◆ Task item ◆
Search the records that follow and extract every line containing the string "steel".

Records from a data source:
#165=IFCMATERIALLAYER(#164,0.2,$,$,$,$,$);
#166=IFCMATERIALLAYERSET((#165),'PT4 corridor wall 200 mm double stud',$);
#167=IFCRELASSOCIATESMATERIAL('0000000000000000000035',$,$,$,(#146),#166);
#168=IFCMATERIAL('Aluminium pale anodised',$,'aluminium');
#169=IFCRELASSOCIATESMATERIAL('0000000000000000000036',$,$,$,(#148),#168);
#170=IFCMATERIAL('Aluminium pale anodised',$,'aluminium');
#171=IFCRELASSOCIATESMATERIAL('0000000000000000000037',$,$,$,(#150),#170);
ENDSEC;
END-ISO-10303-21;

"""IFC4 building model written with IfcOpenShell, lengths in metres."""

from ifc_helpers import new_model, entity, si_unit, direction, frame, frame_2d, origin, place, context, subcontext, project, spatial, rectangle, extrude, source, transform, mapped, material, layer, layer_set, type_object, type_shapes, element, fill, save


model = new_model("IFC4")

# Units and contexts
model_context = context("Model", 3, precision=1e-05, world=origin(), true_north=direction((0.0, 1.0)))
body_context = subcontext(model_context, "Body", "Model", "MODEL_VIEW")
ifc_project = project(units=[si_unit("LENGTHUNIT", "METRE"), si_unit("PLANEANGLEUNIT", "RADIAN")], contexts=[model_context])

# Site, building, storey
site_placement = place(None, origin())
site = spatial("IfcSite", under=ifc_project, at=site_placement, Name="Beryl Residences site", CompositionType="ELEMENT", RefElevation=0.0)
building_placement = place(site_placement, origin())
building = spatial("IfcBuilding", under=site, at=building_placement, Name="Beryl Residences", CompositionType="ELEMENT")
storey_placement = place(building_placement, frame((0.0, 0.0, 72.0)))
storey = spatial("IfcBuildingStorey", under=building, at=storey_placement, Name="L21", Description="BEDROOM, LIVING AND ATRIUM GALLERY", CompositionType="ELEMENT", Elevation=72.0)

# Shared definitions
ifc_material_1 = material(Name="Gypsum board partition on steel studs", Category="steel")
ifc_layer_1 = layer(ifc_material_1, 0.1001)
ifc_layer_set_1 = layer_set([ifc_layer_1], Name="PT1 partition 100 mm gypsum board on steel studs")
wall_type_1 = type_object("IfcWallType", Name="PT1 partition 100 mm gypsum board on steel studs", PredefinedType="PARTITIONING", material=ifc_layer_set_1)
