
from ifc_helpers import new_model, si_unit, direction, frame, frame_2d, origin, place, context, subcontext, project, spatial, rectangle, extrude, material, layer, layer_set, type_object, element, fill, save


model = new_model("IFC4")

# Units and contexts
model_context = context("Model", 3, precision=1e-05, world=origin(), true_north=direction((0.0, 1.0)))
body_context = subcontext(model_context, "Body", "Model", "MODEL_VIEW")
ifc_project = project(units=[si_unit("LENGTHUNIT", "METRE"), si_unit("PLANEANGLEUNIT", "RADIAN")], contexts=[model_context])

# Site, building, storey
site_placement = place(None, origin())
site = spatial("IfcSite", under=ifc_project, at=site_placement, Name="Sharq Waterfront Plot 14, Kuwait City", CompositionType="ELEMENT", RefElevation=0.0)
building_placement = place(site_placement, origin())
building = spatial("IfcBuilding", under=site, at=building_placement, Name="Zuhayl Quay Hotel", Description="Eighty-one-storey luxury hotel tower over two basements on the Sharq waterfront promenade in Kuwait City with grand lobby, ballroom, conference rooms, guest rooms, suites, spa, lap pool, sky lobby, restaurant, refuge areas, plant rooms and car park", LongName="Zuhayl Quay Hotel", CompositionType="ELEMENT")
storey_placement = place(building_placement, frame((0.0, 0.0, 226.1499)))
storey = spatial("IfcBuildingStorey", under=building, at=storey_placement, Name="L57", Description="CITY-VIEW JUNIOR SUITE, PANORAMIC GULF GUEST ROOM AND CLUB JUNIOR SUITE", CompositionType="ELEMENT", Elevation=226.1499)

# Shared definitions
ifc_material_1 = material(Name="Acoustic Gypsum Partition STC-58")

◆ Output of the exercise ◆
ifc_material_1 = material(Name="Gypsum board partition on steel studs", Category="steel")
ifc_layer_set_1 = layer_set([ifc_layer_1], Name="PT1 partition 100 mm gypsum board on steel studs")
wall_type_1 = type_object("IfcWallType", Name="PT1 partition 100 mm gypsum board on steel studs", PredefinedType="PARTITIONING", material=ifc_layer_set_1)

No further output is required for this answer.